(Stored items)

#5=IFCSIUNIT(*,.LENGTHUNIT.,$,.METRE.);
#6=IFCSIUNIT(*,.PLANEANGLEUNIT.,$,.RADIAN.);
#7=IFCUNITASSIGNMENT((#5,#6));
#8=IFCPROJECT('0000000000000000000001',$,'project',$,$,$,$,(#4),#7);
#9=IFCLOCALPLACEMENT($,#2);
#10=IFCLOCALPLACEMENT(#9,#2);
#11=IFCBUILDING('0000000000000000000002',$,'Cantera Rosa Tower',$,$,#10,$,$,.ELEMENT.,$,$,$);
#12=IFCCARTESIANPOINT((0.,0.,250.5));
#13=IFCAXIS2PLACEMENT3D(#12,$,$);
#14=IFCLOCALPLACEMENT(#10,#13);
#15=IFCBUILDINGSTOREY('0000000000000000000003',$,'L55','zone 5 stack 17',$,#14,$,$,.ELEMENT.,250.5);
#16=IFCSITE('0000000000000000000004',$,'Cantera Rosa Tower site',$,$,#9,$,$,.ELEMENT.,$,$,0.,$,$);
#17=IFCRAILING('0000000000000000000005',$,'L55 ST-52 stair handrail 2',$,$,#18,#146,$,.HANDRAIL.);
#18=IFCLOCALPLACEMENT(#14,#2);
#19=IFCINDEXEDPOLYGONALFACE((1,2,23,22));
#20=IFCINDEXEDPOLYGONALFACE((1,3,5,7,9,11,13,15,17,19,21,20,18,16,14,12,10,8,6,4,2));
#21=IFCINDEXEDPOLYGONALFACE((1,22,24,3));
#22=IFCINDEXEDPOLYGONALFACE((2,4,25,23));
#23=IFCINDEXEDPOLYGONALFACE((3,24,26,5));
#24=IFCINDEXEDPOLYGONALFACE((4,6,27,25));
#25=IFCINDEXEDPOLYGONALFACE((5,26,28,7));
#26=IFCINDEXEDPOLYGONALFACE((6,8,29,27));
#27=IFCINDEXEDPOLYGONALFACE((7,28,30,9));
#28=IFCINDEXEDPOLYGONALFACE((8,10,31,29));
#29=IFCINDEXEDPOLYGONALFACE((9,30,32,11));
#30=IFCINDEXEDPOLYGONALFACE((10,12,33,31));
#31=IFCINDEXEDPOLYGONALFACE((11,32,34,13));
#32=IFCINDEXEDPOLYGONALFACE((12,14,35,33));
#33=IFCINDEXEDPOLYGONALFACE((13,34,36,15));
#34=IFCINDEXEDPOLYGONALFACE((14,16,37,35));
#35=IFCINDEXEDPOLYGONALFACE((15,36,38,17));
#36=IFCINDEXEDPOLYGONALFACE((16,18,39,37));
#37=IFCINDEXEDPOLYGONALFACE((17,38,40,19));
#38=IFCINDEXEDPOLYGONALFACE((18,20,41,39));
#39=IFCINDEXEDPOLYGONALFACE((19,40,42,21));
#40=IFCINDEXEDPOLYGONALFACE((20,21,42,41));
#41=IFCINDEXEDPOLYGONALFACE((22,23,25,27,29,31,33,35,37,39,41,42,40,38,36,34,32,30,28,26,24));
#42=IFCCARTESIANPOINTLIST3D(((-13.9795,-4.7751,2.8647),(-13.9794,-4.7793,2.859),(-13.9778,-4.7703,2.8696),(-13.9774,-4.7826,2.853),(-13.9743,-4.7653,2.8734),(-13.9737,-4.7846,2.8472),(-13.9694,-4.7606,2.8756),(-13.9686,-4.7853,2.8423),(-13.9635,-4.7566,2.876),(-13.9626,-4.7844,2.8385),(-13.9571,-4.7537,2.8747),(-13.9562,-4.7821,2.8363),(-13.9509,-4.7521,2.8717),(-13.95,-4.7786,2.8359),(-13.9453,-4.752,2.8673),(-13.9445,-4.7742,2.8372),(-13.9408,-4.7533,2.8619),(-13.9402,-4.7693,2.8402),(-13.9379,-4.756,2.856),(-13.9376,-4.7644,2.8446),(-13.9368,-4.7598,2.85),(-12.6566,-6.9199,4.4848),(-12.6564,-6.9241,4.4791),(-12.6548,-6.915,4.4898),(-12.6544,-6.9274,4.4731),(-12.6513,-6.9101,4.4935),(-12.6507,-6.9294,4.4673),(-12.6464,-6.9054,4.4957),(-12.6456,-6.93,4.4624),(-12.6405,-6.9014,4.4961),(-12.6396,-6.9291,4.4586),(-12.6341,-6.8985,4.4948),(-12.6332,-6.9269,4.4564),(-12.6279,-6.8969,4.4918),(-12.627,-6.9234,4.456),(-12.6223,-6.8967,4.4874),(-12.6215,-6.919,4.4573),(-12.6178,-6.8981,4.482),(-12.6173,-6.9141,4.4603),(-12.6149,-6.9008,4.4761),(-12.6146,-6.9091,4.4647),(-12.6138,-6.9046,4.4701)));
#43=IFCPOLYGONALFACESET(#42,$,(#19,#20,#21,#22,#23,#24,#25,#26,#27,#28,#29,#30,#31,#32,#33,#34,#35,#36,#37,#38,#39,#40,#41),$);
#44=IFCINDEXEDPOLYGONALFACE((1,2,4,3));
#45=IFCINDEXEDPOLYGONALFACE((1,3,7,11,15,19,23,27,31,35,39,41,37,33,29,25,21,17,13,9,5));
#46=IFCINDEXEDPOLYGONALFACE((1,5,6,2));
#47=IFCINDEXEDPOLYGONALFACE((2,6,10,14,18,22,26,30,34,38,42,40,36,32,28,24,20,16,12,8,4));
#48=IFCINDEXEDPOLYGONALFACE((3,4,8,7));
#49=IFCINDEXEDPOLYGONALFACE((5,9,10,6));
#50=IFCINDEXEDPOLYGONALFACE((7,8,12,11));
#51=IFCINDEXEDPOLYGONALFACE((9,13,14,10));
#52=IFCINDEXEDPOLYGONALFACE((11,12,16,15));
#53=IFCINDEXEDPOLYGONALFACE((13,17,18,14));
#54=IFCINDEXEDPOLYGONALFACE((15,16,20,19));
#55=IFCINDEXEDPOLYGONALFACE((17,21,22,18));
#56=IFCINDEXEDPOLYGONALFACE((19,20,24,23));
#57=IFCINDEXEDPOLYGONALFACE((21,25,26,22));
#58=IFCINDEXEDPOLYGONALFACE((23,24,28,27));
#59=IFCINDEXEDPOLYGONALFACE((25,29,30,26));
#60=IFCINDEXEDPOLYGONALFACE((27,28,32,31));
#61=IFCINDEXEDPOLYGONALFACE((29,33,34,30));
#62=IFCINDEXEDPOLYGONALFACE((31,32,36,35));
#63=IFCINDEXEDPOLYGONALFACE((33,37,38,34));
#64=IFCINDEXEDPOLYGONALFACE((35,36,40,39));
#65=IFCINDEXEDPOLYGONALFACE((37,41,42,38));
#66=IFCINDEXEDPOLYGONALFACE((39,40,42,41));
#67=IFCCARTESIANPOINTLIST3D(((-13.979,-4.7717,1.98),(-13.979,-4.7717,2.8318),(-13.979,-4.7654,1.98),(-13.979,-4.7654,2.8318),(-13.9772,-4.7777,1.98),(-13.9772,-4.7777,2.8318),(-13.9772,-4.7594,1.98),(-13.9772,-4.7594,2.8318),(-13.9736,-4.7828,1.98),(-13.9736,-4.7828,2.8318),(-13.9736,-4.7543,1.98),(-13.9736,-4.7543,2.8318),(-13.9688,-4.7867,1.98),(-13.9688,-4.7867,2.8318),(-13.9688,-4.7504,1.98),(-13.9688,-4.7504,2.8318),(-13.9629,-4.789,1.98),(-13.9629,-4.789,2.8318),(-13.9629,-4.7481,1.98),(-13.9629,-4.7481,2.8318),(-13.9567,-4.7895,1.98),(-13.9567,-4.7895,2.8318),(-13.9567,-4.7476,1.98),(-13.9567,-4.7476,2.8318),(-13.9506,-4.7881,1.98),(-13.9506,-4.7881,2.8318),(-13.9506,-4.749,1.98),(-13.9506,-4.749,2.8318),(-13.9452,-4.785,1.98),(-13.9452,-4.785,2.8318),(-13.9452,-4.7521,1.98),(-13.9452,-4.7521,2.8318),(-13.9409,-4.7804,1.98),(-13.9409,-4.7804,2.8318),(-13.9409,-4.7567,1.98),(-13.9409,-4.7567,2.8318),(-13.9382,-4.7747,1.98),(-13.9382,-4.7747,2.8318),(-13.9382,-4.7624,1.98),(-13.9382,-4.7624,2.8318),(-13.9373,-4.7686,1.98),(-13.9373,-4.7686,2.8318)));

---

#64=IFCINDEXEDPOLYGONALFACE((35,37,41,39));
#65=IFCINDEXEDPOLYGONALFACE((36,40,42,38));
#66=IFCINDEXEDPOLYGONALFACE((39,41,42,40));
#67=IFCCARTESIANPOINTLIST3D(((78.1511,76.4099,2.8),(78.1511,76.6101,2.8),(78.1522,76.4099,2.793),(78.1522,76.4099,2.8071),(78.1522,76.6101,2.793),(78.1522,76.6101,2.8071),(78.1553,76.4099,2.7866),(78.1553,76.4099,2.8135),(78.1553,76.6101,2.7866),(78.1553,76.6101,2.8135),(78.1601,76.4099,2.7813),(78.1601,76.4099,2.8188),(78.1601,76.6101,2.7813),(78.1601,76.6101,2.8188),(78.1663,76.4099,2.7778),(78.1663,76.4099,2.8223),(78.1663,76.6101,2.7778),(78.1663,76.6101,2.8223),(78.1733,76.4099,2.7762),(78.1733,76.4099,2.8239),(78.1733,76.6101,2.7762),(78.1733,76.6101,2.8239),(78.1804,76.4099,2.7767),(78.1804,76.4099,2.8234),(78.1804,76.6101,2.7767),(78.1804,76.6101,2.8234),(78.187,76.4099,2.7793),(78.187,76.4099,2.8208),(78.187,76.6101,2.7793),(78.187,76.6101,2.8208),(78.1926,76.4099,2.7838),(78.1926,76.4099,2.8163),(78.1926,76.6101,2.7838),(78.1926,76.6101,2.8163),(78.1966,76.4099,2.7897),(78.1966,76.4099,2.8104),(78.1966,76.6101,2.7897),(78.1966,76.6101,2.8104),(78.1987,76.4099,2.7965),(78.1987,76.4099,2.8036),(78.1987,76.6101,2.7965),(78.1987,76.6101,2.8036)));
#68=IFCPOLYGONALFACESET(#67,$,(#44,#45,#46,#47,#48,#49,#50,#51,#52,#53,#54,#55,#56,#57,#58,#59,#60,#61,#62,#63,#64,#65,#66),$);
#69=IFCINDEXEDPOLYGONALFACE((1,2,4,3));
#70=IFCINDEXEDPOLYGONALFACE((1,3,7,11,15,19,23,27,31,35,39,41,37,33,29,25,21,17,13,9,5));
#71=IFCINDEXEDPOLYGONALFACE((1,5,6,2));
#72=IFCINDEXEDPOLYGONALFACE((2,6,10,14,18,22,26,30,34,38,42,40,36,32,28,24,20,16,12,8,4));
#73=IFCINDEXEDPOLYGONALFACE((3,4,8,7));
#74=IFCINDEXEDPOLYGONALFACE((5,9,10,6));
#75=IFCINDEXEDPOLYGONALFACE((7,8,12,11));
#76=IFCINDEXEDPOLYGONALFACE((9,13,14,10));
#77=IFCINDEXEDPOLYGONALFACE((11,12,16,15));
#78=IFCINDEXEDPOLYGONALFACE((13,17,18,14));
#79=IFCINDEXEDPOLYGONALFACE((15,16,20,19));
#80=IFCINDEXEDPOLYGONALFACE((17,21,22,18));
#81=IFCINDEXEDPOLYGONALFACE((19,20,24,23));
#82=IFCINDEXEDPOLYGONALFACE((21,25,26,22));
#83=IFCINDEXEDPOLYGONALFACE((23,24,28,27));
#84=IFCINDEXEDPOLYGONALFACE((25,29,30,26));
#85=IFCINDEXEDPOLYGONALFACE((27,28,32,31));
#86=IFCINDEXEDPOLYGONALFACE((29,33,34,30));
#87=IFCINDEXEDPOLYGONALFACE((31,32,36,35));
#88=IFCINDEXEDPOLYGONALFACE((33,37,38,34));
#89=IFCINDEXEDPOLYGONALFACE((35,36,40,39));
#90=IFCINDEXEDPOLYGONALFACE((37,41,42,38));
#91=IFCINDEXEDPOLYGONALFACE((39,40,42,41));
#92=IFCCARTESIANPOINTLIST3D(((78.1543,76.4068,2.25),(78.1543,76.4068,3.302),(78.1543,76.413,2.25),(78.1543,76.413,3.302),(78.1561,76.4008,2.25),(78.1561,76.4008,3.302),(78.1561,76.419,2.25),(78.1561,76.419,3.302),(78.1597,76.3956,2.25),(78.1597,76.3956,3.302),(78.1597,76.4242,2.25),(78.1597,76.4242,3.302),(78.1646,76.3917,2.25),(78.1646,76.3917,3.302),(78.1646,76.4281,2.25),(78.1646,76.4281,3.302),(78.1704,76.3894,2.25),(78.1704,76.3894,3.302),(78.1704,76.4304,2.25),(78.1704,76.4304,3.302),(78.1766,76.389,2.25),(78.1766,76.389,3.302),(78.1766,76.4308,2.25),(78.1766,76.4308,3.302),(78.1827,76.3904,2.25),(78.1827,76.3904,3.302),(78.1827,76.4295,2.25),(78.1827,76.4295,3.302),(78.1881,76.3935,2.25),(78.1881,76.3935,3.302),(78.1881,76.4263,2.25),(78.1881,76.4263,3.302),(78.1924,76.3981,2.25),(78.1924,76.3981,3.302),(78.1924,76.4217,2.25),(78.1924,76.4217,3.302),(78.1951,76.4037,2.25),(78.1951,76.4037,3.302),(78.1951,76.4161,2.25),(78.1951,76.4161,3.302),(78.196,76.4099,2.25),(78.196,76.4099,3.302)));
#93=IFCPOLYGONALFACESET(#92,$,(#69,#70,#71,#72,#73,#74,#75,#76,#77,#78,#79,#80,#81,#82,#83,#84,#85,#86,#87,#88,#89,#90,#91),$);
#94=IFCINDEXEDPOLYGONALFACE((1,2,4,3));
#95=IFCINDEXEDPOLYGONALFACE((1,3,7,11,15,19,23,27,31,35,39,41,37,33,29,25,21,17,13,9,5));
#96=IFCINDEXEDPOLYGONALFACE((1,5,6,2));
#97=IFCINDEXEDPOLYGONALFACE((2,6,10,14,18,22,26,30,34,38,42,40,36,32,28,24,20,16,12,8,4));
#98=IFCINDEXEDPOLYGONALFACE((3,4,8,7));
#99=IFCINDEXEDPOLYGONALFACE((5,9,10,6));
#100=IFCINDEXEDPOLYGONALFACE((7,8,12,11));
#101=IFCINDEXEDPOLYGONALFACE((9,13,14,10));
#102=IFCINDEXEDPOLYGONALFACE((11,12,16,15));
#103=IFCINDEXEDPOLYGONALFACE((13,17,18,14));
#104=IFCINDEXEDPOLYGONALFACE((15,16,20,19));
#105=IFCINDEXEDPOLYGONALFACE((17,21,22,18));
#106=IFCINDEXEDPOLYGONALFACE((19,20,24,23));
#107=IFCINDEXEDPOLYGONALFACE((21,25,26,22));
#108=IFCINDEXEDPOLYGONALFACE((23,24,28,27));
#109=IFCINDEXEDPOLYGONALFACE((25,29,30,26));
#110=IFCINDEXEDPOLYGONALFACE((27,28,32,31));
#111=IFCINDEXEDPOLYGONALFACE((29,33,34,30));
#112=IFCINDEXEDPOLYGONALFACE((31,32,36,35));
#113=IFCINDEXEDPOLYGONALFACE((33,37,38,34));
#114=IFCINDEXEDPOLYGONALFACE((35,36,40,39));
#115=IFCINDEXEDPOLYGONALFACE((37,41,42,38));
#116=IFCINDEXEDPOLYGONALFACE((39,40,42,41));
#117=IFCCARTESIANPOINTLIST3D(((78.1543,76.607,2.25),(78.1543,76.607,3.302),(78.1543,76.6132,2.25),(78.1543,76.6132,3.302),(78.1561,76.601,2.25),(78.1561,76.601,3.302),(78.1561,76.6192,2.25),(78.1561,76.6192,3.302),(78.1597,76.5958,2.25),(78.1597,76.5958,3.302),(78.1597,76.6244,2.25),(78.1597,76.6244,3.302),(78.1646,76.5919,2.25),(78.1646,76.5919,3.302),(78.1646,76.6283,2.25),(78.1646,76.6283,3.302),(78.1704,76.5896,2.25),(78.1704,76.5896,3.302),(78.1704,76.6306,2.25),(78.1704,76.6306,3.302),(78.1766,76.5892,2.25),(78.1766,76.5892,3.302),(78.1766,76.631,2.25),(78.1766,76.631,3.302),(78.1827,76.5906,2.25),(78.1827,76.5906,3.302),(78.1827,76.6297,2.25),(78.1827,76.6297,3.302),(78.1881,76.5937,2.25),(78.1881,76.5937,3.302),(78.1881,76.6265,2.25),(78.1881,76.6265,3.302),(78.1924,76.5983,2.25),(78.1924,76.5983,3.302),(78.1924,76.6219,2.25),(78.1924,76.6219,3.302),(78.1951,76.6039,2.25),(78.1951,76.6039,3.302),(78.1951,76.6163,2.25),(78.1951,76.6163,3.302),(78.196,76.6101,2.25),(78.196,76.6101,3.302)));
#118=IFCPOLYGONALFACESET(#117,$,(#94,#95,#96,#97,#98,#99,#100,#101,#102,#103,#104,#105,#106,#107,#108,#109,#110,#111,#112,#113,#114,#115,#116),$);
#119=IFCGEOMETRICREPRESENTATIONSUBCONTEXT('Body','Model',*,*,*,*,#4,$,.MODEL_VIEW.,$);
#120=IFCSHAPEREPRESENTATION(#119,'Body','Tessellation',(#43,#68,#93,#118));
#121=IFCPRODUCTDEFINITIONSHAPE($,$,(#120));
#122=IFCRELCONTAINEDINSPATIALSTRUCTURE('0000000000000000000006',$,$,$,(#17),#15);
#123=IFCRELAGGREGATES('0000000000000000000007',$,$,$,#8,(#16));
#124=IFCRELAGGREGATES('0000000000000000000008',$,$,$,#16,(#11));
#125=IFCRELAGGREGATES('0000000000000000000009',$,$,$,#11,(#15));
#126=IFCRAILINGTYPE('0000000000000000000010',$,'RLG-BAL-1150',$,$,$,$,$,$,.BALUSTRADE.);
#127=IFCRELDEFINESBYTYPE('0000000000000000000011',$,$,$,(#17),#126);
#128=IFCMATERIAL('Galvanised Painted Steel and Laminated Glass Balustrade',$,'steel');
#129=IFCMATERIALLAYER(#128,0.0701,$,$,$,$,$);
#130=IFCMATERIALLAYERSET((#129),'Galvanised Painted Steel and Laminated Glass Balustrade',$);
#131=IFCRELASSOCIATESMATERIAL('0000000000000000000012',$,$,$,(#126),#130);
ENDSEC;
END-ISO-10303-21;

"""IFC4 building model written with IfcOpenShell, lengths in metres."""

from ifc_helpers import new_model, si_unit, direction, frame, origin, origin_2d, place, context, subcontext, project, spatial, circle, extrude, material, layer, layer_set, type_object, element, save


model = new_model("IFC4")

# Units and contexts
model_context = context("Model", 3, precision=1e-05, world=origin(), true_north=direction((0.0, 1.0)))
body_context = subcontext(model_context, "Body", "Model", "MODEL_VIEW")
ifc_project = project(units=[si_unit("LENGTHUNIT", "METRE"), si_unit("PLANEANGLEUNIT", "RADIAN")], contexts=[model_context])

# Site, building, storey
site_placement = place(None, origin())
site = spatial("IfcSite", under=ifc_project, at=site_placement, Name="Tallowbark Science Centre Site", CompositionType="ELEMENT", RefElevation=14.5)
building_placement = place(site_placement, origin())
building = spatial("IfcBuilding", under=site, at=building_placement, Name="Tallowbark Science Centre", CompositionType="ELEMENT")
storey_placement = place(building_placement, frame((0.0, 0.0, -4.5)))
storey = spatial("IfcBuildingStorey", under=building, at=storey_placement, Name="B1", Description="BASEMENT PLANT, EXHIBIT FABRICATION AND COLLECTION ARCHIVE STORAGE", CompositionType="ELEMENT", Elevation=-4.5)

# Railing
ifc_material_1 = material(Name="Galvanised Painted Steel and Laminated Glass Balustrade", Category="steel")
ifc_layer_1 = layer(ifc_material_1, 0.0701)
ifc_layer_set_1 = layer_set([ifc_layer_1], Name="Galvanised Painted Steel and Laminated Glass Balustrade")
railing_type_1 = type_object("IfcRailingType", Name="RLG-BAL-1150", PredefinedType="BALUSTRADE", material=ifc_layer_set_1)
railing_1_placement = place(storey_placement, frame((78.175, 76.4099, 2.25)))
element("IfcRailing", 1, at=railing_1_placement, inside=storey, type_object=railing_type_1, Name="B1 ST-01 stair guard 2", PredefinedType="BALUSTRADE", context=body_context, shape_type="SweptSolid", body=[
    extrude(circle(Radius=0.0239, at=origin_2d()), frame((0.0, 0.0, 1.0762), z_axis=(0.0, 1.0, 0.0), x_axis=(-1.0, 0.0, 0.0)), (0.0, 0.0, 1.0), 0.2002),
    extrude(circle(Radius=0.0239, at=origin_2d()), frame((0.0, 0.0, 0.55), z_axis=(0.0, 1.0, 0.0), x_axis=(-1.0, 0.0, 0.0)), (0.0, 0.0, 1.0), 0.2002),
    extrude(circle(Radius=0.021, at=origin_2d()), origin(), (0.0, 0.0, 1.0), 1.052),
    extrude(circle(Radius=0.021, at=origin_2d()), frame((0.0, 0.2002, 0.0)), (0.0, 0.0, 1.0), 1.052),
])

---

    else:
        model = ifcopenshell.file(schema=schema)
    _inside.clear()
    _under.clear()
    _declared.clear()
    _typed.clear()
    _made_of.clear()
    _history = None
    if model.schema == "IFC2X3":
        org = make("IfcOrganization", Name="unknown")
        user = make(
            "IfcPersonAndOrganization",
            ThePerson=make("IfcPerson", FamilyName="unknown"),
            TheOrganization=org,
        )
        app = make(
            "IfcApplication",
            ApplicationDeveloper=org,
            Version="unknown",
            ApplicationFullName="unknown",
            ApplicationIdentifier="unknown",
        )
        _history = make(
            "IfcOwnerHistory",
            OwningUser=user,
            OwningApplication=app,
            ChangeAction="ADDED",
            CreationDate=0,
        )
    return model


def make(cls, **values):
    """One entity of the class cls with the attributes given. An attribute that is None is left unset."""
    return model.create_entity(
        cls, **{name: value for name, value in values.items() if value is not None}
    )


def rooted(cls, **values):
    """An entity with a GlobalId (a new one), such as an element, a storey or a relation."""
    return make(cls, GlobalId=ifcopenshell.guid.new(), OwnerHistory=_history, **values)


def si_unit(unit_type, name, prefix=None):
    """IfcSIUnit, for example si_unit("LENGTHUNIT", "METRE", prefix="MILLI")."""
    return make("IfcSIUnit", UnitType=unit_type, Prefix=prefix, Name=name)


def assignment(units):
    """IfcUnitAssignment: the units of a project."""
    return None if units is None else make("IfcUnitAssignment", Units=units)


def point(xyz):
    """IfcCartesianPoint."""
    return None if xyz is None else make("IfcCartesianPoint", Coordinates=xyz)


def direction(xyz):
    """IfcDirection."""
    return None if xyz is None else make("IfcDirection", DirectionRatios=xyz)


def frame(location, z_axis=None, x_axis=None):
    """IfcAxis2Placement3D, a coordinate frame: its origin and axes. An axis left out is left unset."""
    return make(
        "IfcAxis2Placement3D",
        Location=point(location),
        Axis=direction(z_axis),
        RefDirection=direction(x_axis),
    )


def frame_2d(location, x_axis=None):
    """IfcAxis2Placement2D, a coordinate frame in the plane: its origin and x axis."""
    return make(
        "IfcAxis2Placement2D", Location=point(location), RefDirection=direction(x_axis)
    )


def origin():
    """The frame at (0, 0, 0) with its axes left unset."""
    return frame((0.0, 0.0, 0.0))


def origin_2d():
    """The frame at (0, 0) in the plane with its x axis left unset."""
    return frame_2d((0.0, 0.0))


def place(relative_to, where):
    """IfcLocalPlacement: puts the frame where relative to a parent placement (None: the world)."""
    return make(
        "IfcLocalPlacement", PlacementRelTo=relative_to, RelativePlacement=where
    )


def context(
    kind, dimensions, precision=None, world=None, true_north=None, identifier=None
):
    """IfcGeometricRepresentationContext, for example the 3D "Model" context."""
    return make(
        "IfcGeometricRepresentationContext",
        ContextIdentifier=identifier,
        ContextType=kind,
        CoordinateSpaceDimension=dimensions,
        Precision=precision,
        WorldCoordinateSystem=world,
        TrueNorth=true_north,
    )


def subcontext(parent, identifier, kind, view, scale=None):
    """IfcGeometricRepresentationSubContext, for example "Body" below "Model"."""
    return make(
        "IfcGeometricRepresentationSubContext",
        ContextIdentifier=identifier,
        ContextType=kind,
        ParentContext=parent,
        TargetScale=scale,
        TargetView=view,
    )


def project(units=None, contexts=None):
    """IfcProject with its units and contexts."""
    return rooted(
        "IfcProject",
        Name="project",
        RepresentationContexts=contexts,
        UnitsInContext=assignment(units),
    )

Exercise instructions >>
On how many lines of the records above does the word "Glass" appear? Answer with only that number.

Output >>
4